═══ Source records
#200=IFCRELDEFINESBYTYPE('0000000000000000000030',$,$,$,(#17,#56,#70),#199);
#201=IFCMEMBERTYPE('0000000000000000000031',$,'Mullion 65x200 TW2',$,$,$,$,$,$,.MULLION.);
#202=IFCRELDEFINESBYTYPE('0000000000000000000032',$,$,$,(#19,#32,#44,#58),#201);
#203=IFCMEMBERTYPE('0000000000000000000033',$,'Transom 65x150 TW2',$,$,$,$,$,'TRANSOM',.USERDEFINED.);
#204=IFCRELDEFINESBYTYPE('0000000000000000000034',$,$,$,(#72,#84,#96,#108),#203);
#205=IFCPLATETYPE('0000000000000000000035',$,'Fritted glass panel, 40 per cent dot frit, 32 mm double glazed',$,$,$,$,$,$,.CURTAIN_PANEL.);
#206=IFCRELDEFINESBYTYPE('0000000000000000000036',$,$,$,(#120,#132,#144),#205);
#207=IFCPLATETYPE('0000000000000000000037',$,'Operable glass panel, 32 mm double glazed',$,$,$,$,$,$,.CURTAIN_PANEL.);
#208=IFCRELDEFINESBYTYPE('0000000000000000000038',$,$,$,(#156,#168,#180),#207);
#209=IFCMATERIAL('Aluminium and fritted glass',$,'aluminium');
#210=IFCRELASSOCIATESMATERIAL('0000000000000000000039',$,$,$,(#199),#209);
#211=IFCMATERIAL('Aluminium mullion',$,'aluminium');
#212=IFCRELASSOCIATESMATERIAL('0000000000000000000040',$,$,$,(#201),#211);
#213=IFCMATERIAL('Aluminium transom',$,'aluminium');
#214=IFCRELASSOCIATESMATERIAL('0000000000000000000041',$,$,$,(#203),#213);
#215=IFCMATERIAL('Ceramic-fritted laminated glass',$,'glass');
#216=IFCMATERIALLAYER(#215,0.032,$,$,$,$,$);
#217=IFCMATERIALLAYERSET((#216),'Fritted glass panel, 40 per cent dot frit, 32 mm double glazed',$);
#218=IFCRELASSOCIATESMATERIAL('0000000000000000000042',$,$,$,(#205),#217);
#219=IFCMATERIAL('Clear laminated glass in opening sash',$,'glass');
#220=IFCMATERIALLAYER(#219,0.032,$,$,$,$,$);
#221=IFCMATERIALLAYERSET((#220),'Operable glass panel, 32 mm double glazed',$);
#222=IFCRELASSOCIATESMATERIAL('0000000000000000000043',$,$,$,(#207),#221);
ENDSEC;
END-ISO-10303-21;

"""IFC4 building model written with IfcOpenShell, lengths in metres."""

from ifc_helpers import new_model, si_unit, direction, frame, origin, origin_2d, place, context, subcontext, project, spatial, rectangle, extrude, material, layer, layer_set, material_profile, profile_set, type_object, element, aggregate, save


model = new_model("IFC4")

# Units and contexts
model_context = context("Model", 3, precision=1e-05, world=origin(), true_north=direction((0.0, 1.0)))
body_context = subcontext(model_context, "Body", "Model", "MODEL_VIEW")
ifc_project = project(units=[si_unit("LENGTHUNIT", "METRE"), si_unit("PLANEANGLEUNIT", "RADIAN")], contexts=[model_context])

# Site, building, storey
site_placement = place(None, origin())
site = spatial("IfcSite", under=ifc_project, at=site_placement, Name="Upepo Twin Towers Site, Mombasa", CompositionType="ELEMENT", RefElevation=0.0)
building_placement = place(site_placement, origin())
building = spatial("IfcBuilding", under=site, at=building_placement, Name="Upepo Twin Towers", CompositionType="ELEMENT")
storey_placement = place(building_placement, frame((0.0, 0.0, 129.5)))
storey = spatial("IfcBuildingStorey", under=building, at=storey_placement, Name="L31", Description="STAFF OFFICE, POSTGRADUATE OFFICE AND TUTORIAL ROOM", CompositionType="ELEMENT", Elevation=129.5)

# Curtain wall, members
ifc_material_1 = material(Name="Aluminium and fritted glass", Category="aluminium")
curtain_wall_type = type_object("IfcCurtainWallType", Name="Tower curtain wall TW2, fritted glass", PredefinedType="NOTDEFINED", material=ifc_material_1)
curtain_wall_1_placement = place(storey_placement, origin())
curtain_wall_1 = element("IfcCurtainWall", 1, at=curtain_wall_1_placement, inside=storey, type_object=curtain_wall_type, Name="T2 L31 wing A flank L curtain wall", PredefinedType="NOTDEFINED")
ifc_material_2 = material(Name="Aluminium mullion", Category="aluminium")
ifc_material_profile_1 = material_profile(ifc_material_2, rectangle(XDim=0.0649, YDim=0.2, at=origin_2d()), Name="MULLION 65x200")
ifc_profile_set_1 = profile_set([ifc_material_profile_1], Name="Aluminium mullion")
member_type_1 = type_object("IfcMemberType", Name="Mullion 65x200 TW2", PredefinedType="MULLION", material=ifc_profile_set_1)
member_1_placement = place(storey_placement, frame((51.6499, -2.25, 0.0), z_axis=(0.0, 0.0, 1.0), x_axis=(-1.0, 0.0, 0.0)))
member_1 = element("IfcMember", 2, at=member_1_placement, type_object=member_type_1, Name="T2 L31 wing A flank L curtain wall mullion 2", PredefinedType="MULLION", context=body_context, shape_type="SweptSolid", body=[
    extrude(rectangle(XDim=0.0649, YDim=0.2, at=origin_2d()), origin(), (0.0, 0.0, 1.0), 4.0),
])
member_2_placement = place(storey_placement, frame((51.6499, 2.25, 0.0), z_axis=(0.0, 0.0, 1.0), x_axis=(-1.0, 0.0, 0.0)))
══════
◆ Aim of the exercise ◆
Among the entries above, copy exactly only the lines starting with the one containing "site_placement = place(None, origin())" and going through the one containing "# Curtain wall, members", both ends included.

◆ Solution to this problem ◆
site_placement = place(None, origin())
site = spatial("IfcSite", under=ifc_project, at=site_placement, Name="Upepo Twin Towers Site, Mombasa", CompositionType="ELEMENT", RefElevation=0.0)
building_placement = place(site_placement, origin())
building = spatial("IfcBuilding", under=site, at=building_placement, Name="Upepo Twin Towers", CompositionType="ELEMENT")
storey_placement = place(building_placement, frame((0.0, 0.0, 129.5)))
storey = spatial("IfcBuildingStorey", under=building, at=storey_placement, Name="L31", Description="STAFF OFFICE, POSTGRADUATE OFFICE AND TUTORIAL ROOM", CompositionType="ELEMENT", Elevation=129.5)

# Curtain wall, members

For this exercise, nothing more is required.